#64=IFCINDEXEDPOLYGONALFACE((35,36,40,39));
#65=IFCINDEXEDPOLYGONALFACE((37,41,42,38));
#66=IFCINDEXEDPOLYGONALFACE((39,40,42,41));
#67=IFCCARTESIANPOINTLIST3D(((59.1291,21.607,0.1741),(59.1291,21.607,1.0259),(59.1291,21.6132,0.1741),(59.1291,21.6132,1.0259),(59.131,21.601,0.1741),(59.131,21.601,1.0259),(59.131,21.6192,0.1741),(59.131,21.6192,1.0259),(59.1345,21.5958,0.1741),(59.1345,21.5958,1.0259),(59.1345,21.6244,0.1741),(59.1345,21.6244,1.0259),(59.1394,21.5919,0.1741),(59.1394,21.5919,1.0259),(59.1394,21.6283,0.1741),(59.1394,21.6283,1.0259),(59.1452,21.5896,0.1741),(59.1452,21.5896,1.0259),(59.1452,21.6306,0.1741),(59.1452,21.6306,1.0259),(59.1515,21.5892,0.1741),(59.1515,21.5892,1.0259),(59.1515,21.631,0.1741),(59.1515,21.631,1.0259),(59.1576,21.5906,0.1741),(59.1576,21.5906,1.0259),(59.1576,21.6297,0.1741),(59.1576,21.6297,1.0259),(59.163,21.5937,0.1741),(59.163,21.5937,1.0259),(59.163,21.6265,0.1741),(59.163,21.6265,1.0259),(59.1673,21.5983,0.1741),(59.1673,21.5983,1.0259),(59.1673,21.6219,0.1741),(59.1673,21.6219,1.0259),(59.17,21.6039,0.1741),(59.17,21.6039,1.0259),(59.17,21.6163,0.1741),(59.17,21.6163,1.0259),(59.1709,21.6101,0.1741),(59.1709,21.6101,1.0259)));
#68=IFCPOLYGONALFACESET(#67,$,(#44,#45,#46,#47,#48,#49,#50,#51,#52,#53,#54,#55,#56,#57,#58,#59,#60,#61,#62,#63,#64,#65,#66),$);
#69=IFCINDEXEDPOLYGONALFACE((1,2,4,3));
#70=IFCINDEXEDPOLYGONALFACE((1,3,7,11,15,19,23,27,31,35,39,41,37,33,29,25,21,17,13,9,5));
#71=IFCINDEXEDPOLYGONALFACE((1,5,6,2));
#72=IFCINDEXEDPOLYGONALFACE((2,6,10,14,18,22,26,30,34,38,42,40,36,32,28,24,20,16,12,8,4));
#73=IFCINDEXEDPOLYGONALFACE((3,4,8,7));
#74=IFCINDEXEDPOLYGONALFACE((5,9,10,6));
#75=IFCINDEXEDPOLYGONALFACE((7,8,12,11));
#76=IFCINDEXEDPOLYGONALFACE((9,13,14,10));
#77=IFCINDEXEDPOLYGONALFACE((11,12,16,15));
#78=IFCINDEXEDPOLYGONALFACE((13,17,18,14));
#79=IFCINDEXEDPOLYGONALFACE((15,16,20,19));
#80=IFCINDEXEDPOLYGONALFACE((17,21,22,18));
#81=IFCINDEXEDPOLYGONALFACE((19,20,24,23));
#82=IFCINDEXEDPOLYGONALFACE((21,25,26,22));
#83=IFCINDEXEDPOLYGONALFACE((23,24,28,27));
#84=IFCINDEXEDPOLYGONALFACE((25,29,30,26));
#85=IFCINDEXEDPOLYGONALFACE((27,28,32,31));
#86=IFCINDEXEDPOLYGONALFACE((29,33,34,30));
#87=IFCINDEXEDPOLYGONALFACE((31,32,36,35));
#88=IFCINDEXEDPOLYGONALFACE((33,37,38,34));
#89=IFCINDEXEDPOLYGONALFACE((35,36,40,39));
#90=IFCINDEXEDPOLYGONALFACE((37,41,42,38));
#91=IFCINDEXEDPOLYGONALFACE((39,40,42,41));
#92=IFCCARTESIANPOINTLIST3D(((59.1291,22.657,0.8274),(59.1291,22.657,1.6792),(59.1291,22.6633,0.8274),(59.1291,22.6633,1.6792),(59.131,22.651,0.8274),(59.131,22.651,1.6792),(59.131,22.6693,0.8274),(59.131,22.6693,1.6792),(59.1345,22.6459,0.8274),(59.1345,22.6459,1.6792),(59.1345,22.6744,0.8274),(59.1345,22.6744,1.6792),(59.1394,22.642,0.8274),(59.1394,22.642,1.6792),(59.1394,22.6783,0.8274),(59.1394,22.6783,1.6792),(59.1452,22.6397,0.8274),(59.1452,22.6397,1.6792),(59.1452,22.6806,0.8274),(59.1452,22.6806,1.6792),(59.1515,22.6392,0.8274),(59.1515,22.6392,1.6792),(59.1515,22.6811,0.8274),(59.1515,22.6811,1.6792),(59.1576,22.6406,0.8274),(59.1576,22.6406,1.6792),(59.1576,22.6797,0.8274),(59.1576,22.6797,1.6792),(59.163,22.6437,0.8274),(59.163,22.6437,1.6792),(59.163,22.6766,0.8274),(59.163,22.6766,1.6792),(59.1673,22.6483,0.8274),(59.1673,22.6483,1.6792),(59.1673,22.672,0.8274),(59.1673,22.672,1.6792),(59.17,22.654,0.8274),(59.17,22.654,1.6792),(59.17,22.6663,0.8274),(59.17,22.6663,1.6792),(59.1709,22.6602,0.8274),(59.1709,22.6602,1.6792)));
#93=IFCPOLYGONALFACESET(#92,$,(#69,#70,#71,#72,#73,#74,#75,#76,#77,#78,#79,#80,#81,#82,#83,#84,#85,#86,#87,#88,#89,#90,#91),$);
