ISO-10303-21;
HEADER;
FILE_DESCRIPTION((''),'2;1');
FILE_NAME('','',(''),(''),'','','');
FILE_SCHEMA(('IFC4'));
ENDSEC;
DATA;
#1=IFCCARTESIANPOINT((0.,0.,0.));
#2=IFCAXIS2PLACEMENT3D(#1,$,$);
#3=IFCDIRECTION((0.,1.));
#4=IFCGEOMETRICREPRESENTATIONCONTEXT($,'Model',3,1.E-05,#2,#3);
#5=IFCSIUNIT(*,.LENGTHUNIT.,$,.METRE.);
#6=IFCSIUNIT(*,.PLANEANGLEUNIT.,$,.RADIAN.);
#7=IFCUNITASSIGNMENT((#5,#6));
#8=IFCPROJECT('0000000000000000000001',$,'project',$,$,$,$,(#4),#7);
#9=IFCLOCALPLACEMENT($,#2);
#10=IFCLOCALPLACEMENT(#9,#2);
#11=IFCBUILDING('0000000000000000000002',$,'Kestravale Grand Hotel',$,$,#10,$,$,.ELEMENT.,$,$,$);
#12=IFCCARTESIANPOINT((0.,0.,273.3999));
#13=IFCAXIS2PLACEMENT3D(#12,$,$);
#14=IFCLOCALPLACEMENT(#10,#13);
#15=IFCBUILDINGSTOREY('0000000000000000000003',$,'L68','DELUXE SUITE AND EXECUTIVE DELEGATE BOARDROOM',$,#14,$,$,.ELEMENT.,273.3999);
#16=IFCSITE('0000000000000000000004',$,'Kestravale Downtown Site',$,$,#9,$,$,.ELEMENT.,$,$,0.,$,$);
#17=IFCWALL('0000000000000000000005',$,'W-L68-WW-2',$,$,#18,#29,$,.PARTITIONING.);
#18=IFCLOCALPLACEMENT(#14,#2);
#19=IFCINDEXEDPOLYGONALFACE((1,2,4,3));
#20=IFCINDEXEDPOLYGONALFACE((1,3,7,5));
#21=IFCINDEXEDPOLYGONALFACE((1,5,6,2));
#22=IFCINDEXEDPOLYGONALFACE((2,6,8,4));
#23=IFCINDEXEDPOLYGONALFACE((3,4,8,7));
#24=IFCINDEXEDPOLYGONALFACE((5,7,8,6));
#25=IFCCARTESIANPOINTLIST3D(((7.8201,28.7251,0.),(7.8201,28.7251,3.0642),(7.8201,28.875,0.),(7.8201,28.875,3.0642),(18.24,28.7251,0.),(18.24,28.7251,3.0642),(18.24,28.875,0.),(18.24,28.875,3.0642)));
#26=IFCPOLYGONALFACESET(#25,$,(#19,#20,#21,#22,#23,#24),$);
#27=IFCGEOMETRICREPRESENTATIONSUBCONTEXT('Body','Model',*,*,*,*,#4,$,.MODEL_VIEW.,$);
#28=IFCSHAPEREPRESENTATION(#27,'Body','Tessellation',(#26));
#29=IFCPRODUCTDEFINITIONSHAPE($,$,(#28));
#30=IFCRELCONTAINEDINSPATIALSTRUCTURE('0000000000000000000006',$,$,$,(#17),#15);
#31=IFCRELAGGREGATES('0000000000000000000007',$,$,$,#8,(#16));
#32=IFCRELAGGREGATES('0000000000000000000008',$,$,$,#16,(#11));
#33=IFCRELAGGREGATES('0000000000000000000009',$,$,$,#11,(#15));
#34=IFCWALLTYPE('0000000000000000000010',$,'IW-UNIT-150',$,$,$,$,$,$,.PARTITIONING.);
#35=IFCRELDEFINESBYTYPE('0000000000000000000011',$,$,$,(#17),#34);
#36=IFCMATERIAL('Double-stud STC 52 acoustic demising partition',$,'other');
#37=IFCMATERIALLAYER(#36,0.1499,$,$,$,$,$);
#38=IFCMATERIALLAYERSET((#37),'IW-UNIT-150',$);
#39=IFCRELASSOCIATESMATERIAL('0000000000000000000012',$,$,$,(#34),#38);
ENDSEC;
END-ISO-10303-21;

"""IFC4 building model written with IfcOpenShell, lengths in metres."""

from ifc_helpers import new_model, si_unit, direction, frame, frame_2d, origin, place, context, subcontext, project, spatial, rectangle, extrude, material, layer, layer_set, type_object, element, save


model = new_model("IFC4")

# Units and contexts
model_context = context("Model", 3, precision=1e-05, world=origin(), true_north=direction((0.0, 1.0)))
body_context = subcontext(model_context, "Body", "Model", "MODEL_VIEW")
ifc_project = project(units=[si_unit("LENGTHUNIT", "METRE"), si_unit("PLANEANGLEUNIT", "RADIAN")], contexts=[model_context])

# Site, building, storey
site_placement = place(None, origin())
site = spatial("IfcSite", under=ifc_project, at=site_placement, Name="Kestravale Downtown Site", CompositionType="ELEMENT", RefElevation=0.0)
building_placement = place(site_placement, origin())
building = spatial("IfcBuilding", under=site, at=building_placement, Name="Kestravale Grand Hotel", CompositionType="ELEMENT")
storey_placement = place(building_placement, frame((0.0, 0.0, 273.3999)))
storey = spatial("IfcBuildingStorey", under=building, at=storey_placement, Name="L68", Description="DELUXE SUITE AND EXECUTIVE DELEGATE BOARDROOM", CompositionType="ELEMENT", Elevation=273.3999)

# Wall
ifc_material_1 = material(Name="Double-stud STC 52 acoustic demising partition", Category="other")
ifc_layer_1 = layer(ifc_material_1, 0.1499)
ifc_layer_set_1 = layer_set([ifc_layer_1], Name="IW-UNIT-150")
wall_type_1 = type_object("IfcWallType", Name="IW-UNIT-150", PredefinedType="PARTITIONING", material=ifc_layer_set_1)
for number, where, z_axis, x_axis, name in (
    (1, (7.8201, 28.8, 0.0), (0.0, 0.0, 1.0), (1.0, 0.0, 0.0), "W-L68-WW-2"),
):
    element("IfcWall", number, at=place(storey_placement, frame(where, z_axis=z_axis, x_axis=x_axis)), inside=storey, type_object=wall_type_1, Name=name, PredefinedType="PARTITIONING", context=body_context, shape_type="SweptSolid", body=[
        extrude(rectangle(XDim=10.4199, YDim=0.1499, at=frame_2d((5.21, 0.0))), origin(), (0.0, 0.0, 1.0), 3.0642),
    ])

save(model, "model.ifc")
* * *
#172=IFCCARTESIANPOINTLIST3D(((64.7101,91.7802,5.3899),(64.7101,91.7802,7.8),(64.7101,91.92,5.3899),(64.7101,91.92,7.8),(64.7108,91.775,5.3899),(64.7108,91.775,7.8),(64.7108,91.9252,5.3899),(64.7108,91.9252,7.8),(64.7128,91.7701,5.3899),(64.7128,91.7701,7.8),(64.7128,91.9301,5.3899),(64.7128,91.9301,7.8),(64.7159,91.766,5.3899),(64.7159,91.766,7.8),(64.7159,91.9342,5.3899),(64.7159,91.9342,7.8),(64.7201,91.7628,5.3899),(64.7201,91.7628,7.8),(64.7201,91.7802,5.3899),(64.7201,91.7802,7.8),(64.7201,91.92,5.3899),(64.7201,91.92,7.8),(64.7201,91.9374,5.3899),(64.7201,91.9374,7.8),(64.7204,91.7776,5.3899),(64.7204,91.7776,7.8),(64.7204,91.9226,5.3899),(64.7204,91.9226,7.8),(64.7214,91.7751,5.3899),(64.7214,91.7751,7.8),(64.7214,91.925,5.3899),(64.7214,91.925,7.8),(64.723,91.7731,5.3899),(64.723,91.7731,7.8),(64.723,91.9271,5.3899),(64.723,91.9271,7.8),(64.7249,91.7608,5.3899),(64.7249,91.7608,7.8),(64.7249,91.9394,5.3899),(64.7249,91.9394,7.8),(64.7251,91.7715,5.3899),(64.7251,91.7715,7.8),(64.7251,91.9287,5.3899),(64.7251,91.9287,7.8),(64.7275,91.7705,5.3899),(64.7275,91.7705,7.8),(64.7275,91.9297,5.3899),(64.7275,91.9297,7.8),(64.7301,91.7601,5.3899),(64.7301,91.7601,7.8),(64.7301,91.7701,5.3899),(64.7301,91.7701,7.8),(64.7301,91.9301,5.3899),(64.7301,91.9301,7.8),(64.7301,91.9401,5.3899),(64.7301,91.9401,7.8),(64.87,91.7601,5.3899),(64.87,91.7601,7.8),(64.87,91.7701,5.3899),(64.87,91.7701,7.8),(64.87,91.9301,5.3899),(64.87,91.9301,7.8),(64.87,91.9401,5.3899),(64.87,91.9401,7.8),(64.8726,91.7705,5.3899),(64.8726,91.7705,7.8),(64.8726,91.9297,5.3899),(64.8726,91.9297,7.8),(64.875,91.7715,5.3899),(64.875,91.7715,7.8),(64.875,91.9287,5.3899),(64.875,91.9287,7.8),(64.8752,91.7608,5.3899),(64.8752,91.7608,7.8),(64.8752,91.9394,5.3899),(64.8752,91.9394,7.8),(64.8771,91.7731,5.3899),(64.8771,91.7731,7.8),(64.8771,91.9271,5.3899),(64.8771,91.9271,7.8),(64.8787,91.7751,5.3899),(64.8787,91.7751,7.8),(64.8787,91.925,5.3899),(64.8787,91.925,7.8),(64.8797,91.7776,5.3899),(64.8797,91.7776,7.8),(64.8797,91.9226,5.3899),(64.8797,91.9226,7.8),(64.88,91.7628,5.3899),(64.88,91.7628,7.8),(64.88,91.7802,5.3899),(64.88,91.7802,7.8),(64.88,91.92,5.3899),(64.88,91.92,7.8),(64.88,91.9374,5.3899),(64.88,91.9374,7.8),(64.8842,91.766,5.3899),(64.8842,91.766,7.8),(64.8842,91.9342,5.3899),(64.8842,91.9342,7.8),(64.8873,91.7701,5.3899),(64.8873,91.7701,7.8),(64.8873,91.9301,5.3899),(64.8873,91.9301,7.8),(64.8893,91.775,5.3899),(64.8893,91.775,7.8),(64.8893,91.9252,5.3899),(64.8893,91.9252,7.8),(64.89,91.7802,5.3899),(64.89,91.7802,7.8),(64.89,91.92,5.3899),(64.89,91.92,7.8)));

HOW TO COMPLETE THIS TASK:
Your answer should consist of the count of lines in the listing that hold the word "IFCSIUNIT", with nothing else.

PROBLEM SOLUTION:
2